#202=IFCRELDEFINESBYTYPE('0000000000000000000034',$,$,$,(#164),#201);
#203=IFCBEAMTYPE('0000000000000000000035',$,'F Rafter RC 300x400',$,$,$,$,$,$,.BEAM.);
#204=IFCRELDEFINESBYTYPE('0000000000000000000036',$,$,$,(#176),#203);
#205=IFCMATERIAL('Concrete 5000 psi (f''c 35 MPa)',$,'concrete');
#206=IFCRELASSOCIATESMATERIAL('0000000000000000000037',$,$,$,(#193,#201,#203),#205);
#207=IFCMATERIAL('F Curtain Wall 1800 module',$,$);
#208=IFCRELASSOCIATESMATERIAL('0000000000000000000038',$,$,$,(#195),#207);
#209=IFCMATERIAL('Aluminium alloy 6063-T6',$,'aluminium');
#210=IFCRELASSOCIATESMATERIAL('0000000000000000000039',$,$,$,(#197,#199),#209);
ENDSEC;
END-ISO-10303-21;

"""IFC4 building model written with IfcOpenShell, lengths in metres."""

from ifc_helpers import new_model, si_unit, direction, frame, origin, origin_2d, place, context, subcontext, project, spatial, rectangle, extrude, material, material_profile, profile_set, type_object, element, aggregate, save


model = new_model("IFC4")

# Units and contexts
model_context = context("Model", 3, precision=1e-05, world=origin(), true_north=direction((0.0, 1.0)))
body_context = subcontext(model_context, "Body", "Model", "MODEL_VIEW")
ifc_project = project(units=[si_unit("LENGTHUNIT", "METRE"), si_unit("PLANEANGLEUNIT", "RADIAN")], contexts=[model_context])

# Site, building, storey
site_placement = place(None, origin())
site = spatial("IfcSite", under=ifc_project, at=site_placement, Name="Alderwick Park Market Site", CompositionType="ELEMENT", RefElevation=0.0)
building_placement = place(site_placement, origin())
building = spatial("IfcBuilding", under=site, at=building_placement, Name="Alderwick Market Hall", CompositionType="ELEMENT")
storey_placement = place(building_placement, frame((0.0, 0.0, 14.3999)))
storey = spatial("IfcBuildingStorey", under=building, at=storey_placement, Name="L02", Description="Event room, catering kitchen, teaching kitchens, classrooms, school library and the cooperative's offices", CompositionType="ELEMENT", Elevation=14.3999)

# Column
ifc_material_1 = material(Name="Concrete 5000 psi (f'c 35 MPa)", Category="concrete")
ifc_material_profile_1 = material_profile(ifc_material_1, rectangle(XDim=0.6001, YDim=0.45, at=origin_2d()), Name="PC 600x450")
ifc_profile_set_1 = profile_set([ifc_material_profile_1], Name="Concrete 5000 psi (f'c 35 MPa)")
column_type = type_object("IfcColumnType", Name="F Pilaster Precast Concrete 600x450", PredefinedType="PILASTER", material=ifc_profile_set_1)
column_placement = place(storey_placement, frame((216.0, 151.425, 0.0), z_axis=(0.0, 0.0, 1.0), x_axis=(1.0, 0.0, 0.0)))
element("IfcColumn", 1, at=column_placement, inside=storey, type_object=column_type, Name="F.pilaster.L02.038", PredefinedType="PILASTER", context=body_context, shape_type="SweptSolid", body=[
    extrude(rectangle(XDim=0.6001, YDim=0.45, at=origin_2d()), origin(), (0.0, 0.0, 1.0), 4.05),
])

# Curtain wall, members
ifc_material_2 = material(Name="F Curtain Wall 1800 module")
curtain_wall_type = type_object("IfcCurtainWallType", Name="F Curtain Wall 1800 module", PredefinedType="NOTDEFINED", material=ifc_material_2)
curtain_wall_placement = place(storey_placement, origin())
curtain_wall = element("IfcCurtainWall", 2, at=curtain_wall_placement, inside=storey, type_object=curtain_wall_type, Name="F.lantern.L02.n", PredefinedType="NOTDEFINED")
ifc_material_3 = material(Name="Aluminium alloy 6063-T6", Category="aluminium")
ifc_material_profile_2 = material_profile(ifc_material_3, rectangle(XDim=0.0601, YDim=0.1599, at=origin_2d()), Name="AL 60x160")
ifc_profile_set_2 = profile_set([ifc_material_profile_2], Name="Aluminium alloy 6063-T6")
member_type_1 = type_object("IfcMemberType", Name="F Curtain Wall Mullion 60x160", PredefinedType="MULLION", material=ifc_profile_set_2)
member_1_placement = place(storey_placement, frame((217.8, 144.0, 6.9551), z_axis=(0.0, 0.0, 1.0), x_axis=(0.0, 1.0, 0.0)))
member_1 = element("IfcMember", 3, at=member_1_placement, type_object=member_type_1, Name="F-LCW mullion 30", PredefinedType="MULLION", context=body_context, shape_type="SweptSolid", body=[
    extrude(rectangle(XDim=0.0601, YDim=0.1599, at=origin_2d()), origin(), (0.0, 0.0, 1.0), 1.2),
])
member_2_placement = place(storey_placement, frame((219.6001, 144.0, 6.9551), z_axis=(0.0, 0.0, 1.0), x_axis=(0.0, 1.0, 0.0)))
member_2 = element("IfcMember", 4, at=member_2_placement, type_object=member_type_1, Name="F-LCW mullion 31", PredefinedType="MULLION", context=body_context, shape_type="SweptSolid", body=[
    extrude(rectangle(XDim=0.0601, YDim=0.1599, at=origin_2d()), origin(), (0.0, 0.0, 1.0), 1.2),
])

______________________________

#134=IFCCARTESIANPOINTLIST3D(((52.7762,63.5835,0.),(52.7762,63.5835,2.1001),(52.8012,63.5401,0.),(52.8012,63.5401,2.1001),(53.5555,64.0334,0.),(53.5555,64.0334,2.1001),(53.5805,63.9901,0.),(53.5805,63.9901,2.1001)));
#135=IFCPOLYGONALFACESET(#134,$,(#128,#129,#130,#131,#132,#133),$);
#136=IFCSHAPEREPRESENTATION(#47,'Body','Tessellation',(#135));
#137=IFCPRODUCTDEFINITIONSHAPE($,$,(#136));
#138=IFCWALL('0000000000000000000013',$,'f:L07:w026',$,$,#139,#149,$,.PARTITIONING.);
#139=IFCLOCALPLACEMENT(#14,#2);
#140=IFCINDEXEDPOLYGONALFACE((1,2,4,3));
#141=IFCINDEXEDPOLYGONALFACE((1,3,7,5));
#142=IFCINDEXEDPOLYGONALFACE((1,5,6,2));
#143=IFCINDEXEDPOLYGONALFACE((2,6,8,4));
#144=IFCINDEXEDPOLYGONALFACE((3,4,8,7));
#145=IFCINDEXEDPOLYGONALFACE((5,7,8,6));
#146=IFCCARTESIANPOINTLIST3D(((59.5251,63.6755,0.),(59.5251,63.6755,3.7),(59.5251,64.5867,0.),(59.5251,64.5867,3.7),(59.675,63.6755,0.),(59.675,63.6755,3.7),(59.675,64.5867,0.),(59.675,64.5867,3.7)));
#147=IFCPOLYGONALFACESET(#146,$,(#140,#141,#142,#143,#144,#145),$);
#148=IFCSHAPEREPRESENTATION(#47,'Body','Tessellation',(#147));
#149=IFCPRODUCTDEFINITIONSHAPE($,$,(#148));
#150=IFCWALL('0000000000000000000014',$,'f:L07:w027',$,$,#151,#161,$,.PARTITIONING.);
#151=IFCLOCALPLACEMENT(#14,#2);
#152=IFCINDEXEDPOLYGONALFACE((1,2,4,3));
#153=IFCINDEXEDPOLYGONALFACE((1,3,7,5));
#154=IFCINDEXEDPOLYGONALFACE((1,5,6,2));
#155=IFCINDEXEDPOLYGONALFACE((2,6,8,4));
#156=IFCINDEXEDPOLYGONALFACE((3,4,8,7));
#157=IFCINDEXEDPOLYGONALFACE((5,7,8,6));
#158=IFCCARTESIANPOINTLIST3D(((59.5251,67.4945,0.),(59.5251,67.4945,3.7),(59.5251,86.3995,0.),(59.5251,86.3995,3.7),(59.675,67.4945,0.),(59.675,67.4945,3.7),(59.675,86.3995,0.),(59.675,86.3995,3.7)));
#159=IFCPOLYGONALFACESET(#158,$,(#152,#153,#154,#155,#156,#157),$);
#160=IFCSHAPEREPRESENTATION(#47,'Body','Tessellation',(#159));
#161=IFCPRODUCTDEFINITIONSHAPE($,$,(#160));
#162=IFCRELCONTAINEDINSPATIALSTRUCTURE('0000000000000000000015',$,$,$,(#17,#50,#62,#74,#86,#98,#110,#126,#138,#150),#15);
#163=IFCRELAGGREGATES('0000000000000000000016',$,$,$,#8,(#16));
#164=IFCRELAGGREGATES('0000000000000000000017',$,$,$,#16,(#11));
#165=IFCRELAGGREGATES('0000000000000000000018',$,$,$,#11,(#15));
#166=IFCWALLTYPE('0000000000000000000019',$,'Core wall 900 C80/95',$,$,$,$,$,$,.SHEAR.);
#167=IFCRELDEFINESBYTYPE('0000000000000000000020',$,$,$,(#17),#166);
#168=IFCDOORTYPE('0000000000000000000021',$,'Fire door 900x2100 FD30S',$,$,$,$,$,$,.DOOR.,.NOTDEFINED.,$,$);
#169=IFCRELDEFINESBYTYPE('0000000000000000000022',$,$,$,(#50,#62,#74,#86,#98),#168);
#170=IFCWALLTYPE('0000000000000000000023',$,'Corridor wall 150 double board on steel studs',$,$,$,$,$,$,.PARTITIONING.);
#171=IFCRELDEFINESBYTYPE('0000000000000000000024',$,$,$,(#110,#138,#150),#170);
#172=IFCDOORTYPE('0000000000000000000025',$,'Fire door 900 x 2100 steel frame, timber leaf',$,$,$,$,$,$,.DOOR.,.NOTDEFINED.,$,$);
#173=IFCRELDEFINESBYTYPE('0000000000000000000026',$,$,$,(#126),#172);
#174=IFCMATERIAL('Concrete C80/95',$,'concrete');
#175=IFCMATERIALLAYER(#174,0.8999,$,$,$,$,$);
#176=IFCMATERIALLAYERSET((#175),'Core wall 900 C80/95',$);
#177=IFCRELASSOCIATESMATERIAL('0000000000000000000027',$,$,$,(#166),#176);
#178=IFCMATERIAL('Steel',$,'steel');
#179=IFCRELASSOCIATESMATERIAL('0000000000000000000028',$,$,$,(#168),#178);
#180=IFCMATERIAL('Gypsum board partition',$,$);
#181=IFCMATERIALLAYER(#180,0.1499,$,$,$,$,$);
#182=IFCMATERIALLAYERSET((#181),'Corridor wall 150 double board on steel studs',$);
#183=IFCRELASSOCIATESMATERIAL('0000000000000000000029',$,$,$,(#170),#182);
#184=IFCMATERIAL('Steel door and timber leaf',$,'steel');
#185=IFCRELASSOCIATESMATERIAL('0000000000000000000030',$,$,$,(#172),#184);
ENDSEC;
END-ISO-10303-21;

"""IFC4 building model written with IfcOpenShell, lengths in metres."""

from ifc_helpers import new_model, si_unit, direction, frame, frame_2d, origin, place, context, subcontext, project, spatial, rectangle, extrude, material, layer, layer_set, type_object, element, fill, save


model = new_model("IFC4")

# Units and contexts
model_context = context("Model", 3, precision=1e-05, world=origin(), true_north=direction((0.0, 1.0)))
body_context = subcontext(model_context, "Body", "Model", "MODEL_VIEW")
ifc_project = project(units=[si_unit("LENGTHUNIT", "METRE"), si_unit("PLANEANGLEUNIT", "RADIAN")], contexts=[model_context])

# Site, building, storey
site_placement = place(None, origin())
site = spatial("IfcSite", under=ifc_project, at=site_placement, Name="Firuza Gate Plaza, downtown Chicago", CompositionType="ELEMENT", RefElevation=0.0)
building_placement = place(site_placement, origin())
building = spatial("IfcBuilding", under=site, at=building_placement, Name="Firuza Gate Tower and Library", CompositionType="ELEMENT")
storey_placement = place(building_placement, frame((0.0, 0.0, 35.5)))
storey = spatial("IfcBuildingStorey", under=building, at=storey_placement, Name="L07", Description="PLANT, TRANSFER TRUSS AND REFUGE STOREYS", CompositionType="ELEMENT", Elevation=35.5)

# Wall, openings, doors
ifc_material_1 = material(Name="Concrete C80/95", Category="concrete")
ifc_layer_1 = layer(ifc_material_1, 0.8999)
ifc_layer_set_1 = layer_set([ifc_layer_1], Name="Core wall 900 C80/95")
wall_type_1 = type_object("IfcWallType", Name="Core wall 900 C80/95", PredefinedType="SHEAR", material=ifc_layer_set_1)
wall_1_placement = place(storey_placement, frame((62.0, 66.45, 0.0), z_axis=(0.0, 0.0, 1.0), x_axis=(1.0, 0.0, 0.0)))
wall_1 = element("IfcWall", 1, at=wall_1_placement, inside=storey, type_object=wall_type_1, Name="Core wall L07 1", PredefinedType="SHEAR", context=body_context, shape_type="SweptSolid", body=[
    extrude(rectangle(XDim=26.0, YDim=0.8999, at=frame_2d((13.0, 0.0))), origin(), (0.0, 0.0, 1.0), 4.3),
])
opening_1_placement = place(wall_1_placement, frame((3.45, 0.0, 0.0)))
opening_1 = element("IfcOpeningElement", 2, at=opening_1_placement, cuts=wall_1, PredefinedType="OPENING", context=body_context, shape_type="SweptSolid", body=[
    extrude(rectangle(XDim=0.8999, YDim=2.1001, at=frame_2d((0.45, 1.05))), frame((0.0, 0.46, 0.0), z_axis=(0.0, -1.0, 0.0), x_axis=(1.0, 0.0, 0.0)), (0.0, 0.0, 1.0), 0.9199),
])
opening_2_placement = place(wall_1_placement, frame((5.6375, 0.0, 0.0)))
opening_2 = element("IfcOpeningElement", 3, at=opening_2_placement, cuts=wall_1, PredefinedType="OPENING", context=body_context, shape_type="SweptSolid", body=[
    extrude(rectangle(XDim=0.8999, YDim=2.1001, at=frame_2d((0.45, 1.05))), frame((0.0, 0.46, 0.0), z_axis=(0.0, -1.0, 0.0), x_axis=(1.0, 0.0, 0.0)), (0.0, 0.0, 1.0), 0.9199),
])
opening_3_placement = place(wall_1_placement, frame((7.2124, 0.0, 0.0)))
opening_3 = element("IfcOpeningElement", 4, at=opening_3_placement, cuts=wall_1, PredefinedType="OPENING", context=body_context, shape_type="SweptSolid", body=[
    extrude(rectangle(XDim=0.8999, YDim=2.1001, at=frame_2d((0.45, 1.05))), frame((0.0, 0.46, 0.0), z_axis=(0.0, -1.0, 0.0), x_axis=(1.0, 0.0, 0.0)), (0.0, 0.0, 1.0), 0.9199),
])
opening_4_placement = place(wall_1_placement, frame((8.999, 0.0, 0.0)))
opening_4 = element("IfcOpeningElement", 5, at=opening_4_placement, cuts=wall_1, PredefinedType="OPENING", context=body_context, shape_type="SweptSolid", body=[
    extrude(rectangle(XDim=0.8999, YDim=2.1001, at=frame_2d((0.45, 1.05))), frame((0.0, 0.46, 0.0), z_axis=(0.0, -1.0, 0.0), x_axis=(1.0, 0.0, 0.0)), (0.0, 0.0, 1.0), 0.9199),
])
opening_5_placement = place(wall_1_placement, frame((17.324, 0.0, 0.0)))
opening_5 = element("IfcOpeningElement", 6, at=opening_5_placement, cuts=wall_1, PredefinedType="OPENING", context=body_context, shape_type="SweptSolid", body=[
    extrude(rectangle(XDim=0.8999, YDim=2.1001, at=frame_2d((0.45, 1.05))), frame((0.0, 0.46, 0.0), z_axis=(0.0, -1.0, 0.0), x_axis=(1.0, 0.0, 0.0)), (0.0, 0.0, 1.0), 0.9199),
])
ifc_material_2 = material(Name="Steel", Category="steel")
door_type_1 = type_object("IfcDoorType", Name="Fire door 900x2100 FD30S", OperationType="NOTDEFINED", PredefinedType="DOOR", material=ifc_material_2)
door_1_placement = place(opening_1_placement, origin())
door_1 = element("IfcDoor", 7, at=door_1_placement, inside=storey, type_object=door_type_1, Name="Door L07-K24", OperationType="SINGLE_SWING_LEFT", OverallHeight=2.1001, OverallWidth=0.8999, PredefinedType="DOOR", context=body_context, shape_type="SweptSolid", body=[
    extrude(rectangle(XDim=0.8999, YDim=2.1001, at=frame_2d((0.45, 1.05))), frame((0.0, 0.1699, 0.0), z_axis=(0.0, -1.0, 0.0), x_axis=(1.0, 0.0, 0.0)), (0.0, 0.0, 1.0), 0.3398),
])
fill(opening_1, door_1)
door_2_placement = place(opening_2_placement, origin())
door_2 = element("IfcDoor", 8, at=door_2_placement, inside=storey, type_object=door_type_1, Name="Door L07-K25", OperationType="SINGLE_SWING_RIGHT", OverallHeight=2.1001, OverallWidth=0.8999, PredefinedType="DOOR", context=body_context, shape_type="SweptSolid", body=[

______________________________

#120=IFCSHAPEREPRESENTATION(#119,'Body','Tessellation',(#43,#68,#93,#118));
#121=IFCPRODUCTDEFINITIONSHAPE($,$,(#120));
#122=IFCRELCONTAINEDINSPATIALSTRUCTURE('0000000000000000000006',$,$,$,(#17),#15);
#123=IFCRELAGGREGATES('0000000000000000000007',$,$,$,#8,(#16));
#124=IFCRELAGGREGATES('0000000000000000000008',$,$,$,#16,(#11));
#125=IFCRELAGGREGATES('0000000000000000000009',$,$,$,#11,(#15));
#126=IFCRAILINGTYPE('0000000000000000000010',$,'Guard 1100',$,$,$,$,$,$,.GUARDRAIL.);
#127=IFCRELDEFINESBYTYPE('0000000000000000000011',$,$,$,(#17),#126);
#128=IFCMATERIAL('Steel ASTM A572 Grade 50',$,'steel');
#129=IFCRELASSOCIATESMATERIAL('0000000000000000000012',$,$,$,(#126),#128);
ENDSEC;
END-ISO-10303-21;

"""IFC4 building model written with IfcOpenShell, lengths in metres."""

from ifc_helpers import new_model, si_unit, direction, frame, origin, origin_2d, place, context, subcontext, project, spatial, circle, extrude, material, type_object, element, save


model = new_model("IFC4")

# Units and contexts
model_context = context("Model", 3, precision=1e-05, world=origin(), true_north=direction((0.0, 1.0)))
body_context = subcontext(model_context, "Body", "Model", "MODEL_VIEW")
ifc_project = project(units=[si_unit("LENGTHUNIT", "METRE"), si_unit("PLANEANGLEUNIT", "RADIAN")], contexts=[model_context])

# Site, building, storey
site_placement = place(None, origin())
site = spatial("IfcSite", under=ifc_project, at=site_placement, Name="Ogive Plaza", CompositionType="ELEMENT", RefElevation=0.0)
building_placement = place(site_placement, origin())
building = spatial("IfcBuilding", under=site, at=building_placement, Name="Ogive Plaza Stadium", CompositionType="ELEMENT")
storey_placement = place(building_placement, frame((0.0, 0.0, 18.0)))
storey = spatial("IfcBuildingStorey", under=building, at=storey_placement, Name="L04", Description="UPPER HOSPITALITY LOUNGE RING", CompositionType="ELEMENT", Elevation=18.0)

______________________________

For the material above, reproduce exactly the lines from the line with "#160=IFCSHAPEREPRESENTATION(#47,'Body','Tessellation',(#159));" to the line with "#172=IFCDOORTYPE('0000000000000000000025',$,'Fire door 900", inclusive, and exclude all others.

→ **EXERCISE ANSWER**
#160=IFCSHAPEREPRESENTATION(#47,'Body','Tessellation',(#159));
#161=IFCPRODUCTDEFINITIONSHAPE($,$,(#160));
#162=IFCRELCONTAINEDINSPATIALSTRUCTURE('0000000000000000000015',$,$,$,(#17,#50,#62,#74,#86,#98,#110,#126,#138,#150),#15);
#163=IFCRELAGGREGATES('0000000000000000000016',$,$,$,#8,(#16));
#164=IFCRELAGGREGATES('0000000000000000000017',$,$,$,#16,(#11));
#165=IFCRELAGGREGATES('0000000000000000000018',$,$,$,#11,(#15));
#166=IFCWALLTYPE('0000000000000000000019',$,'Core wall 900 C80/95',$,$,$,$,$,$,.SHEAR.);
#167=IFCRELDEFINESBYTYPE('0000000000000000000020',$,$,$,(#17),#166);
#168=IFCDOORTYPE('0000000000000000000021',$,'Fire door 900x2100 FD30S',$,$,$,$,$,$,.DOOR.,.NOTDEFINED.,$,$);
#169=IFCRELDEFINESBYTYPE('0000000000000000000022',$,$,$,(#50,#62,#74,#86,#98),#168);
#170=IFCWALLTYPE('0000000000000000000023',$,'Corridor wall 150 double board on steel studs',$,$,$,$,$,$,.PARTITIONING.);
#171=IFCRELDEFINESBYTYPE('0000000000000000000024',$,$,$,(#110,#138,#150),#170);
#172=IFCDOORTYPE('0000000000000000000025',$,'Fire door 900 x 2100 steel frame, timber leaf',$,$,$,$,$,$,.DOOR.,.NOTDEFINED.,$,$);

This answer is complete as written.